Your task: What you return must be the lines of the data that hold the word "stair".

_ _ _ _

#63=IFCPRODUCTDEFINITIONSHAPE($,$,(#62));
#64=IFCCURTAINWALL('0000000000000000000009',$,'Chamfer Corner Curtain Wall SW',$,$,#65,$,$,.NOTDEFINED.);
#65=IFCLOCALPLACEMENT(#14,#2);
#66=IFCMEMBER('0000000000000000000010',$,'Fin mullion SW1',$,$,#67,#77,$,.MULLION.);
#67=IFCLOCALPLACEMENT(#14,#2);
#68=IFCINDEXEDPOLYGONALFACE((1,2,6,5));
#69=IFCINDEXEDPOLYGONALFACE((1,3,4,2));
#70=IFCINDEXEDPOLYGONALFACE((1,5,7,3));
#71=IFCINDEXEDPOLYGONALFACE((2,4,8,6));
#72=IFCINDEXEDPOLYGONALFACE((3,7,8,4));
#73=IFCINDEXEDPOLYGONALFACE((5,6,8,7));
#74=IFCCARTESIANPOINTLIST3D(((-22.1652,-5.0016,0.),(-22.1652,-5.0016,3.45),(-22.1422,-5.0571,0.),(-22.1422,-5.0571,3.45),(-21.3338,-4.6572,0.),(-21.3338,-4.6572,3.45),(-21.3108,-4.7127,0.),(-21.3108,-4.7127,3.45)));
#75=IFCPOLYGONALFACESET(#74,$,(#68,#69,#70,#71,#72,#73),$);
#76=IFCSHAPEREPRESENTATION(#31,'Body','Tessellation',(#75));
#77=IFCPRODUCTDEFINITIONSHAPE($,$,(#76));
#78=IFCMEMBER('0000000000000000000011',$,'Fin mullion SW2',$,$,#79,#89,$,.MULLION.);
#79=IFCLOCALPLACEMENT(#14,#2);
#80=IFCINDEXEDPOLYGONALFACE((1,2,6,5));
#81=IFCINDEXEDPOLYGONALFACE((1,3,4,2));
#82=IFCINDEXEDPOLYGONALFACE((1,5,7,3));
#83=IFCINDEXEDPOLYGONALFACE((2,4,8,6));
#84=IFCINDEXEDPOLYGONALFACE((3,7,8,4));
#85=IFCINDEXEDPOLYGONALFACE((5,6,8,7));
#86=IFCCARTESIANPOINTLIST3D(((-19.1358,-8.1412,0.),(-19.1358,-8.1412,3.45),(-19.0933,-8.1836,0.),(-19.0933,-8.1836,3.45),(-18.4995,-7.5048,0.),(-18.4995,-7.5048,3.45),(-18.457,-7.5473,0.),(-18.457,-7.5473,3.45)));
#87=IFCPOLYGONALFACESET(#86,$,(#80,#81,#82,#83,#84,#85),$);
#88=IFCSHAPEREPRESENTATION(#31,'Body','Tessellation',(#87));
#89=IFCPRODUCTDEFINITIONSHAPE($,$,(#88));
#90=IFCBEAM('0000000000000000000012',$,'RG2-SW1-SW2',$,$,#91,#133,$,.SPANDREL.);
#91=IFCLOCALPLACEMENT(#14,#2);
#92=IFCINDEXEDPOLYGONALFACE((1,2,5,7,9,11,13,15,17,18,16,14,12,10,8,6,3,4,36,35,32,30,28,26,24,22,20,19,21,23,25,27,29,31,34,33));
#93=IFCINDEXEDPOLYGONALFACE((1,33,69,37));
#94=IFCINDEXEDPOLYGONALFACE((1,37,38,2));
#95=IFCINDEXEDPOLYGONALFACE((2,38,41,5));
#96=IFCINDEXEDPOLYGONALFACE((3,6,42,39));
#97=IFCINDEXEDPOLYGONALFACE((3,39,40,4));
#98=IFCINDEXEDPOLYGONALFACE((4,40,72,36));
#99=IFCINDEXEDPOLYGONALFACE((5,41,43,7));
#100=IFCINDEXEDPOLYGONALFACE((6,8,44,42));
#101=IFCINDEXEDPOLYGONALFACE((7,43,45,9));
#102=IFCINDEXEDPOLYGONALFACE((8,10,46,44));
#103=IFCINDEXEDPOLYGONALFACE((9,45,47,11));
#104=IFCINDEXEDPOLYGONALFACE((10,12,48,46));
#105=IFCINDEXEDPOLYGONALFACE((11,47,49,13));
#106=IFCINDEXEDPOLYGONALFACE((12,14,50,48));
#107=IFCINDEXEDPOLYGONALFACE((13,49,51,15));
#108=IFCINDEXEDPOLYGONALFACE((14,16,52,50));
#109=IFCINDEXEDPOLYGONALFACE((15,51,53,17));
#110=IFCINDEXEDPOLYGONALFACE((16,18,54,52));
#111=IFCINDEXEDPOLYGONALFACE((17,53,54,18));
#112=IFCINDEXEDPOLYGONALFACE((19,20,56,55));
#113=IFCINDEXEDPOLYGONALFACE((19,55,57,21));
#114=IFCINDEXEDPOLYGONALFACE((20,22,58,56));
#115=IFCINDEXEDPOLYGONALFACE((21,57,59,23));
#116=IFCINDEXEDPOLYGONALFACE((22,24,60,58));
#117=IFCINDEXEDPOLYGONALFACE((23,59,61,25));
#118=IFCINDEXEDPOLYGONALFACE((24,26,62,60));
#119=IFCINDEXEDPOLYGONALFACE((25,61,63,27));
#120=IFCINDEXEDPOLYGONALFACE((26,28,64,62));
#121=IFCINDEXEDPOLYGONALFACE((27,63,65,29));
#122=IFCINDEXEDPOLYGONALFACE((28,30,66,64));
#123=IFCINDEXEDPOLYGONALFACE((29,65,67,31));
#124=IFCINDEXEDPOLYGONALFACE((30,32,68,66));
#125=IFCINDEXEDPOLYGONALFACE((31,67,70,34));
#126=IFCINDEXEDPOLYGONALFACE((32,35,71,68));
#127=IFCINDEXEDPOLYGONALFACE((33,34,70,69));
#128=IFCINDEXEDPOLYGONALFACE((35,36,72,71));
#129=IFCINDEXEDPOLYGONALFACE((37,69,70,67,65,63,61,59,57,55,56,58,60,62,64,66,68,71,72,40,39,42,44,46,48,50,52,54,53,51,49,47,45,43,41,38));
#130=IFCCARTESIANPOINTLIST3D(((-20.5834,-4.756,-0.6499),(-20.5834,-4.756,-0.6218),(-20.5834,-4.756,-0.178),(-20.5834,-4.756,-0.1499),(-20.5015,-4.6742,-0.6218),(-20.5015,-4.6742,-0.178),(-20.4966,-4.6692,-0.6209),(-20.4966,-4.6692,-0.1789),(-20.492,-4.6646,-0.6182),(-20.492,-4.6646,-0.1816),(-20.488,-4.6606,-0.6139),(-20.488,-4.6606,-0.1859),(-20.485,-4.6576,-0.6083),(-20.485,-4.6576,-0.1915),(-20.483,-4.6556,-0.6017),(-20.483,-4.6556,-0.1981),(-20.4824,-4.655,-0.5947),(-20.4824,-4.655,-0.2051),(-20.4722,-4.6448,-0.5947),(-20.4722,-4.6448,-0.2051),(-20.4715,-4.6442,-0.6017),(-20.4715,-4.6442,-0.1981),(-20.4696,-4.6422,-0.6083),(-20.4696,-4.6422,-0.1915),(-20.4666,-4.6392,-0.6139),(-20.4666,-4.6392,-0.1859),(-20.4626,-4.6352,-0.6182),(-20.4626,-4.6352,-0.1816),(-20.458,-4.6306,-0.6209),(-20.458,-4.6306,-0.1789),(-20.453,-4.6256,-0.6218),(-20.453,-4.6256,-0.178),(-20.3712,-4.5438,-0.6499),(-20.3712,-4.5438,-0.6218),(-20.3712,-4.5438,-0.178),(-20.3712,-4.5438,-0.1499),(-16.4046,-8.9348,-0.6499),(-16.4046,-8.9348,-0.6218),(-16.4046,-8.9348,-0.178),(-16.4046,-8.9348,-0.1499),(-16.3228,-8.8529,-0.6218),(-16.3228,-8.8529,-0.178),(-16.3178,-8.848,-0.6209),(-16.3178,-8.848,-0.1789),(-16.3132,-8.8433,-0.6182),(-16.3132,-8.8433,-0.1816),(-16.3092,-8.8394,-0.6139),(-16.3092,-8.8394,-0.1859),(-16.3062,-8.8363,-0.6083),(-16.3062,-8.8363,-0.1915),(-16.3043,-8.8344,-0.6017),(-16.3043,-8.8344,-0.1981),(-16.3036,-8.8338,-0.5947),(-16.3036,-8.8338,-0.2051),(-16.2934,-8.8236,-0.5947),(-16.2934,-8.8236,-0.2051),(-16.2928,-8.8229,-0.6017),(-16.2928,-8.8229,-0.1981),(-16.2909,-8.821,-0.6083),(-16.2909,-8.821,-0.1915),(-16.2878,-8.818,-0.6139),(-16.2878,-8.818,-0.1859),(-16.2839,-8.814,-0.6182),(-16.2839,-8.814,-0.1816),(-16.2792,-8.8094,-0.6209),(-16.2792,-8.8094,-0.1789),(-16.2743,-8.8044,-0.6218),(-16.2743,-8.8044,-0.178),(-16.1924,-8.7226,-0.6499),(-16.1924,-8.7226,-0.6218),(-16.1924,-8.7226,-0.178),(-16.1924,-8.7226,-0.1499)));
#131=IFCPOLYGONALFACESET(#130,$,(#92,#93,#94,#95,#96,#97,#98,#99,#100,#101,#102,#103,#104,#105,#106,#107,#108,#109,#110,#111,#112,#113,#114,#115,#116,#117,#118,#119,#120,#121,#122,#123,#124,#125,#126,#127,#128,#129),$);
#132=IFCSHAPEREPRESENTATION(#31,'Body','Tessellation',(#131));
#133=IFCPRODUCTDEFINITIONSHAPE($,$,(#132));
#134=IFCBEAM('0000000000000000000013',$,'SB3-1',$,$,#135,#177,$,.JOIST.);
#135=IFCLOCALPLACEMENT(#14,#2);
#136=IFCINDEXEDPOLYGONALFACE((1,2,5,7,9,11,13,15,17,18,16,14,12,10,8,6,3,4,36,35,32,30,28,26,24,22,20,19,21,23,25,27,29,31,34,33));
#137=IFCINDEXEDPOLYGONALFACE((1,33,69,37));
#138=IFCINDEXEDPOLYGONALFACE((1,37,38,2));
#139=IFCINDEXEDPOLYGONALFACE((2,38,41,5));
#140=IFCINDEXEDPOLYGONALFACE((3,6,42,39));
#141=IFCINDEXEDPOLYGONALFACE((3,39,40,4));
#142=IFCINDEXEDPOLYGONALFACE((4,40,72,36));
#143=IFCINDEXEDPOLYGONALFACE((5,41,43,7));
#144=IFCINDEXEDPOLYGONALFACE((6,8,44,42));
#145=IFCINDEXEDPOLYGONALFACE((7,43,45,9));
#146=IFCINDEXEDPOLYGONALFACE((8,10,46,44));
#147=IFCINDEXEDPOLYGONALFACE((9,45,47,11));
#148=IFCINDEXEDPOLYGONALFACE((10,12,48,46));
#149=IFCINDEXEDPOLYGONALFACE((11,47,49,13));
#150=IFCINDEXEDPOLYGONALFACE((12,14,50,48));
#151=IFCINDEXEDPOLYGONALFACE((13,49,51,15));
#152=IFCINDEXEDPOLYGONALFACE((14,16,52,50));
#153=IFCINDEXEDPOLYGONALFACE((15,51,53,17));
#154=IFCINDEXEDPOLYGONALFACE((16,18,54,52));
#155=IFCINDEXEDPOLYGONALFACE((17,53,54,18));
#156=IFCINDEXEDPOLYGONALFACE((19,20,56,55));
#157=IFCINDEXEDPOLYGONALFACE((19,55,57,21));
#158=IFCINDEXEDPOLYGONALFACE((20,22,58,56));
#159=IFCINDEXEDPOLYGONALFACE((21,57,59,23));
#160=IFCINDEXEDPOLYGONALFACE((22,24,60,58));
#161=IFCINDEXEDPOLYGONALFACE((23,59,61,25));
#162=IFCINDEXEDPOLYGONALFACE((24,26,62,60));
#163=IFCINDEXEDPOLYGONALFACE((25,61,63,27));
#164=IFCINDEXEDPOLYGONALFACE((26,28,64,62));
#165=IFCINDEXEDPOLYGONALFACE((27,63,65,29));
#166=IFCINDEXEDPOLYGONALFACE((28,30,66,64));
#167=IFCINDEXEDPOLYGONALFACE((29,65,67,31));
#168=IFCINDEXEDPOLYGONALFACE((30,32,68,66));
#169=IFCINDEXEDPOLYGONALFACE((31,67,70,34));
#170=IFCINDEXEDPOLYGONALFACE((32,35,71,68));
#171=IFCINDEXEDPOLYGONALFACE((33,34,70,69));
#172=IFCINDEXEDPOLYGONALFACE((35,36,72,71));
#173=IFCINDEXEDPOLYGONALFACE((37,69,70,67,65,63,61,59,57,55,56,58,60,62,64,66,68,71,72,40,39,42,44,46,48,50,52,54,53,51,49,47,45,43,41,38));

_ _ _ _

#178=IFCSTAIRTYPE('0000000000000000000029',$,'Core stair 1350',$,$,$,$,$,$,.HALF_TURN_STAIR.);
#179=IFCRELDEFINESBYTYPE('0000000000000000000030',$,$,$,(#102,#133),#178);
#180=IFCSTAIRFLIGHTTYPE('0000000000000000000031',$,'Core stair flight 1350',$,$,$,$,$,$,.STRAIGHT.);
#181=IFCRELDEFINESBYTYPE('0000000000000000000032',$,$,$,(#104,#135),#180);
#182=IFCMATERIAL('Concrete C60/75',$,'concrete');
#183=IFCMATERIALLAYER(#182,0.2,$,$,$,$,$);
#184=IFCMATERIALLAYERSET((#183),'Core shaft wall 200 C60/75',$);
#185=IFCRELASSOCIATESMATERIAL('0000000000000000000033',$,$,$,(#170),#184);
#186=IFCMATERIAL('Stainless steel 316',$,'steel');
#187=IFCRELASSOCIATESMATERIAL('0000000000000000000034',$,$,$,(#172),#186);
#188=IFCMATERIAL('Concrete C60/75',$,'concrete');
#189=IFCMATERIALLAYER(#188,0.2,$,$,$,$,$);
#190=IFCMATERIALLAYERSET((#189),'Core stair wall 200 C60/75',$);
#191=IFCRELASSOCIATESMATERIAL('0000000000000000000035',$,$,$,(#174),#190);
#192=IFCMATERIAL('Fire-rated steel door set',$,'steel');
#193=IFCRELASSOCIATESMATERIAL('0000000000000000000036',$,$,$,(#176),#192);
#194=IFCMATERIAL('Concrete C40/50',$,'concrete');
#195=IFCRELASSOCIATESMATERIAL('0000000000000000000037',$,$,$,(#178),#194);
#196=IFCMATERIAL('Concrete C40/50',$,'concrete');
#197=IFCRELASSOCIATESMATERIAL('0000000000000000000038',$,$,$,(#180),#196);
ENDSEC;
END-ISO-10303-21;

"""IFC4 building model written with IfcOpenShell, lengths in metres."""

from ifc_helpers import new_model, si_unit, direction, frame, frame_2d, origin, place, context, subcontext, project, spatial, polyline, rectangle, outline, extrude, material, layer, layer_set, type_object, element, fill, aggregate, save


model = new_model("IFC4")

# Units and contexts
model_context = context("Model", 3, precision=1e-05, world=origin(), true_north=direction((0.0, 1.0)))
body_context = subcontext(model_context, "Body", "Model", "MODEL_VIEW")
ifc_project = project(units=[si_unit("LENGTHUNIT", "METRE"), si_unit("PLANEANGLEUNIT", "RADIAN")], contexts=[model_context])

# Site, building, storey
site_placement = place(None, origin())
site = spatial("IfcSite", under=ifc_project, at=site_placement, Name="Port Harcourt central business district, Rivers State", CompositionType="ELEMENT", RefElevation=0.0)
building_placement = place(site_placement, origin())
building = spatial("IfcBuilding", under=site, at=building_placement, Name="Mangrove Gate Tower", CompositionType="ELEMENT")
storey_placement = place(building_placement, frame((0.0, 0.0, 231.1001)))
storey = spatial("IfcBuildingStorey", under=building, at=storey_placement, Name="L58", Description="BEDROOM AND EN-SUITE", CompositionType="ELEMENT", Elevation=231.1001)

_ _ _ _

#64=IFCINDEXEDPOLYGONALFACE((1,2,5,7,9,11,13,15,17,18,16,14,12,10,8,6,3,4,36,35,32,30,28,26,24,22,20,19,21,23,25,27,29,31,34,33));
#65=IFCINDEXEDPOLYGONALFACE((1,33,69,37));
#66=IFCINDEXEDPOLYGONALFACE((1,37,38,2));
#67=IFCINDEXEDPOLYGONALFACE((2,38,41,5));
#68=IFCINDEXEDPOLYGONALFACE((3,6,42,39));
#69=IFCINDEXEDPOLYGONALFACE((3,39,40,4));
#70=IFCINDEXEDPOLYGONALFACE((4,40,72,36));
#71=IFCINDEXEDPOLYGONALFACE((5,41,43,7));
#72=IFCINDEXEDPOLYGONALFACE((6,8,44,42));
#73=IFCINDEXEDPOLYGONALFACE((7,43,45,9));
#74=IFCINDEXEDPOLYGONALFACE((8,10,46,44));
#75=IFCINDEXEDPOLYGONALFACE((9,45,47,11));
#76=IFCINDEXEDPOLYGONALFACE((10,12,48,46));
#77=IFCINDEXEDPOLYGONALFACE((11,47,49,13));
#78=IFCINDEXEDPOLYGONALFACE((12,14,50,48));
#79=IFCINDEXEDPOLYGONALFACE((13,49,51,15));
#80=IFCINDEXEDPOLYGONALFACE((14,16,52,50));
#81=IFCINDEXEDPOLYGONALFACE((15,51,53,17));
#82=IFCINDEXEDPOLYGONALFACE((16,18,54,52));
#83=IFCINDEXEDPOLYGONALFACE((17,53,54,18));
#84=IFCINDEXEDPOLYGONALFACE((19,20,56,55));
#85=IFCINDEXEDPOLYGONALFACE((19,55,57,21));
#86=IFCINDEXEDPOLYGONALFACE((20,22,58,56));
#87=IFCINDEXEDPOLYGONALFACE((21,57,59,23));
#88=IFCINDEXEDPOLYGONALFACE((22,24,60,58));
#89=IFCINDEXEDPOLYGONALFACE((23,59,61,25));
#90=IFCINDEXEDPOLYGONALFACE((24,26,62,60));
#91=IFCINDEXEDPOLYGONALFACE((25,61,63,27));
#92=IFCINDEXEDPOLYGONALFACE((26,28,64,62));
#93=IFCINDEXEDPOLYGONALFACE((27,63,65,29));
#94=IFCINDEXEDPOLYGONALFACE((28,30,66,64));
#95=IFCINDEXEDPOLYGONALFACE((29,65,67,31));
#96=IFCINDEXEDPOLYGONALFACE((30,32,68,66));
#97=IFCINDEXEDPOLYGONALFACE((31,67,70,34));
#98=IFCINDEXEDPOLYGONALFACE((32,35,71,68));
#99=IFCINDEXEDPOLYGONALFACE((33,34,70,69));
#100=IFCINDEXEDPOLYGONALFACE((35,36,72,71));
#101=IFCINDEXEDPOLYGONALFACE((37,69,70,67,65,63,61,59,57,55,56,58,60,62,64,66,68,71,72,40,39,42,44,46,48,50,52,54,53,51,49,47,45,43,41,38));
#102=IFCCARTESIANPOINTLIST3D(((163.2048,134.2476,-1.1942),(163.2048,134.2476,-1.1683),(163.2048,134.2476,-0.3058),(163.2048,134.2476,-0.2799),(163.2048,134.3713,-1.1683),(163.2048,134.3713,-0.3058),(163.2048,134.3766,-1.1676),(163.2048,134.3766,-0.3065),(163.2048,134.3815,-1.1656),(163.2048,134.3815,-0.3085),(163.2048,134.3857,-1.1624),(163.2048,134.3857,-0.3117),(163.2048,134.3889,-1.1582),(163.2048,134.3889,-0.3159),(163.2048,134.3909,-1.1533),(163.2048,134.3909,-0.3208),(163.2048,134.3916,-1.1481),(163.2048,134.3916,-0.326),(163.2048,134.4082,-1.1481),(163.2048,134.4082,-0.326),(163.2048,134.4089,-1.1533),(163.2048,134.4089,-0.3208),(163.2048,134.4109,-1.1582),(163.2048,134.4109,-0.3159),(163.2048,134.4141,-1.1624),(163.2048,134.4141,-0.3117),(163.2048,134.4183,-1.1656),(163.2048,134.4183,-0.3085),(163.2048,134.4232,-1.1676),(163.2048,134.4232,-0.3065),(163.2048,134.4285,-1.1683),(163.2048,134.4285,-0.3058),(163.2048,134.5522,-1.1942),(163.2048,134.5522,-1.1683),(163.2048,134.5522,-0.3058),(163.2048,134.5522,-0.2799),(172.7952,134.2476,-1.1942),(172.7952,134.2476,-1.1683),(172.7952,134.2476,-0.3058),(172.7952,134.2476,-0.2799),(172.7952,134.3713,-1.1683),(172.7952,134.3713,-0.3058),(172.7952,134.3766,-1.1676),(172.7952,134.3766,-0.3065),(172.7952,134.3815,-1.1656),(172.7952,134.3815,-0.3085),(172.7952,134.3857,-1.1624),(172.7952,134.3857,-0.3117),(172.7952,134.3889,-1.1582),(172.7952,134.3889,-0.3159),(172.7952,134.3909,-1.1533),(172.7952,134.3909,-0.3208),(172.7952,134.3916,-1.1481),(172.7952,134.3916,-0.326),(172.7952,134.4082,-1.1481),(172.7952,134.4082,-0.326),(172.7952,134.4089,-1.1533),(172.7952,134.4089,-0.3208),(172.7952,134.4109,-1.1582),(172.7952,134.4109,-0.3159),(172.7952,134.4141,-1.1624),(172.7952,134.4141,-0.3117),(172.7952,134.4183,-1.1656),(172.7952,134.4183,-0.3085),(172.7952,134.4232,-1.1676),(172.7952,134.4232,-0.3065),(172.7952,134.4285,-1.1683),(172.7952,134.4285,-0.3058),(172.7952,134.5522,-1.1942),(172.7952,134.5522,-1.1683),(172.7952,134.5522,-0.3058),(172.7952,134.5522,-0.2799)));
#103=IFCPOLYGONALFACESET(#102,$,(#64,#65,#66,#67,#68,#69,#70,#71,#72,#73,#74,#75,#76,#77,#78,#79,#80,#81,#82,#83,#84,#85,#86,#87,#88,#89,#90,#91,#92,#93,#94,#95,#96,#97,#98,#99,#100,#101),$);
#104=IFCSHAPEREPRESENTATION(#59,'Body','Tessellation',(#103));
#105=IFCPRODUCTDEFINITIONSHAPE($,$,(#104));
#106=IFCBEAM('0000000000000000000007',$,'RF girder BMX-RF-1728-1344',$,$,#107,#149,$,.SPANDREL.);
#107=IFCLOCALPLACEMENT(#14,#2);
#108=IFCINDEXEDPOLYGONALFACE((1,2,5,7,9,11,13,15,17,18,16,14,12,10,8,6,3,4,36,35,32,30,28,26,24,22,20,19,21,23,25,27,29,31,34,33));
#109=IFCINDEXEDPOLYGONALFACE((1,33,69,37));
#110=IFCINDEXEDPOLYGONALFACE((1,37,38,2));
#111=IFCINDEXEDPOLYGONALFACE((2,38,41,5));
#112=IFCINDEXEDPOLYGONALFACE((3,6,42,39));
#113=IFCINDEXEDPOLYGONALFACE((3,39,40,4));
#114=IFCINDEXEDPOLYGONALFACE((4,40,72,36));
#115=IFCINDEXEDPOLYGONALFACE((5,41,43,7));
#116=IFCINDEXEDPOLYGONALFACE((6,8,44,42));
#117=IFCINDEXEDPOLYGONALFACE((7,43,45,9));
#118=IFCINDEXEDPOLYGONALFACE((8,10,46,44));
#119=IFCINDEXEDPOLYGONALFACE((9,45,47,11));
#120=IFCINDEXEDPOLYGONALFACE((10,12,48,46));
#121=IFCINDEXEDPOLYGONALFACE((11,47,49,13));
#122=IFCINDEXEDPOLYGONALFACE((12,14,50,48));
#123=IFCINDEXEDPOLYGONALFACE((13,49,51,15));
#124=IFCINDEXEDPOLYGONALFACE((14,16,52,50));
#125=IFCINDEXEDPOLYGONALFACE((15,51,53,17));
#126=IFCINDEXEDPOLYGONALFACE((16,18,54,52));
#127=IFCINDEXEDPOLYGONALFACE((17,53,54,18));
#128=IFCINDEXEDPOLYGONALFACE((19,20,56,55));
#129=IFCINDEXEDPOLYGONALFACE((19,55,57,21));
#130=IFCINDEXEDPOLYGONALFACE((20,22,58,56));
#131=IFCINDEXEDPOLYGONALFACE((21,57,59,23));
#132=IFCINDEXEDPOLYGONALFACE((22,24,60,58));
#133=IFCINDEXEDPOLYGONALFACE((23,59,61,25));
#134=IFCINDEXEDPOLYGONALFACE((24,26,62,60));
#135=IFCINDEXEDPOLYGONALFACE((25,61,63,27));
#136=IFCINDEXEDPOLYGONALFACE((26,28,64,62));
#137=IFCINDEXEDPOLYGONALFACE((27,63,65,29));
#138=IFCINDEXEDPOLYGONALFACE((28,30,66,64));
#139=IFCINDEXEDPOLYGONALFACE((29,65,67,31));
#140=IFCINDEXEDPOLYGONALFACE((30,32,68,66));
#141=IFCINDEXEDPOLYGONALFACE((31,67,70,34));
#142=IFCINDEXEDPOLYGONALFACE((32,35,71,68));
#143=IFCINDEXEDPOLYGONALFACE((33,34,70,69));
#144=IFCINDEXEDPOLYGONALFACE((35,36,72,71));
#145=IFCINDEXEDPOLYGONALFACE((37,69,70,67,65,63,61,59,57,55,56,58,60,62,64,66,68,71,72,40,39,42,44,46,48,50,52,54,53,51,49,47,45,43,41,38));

_ _ _ _

Answer section:
#178=IFCSTAIRTYPE('0000000000000000000029',$,'Core stair 1350',$,$,$,$,$,$,.HALF_TURN_STAIR.);
#180=IFCSTAIRFLIGHTTYPE('0000000000000000000031',$,'Core stair flight 1350',$,$,$,$,$,$,.STRAIGHT.);
#190=IFCMATERIALLAYERSET((#189),'Core stair wall 200 C60/75',$);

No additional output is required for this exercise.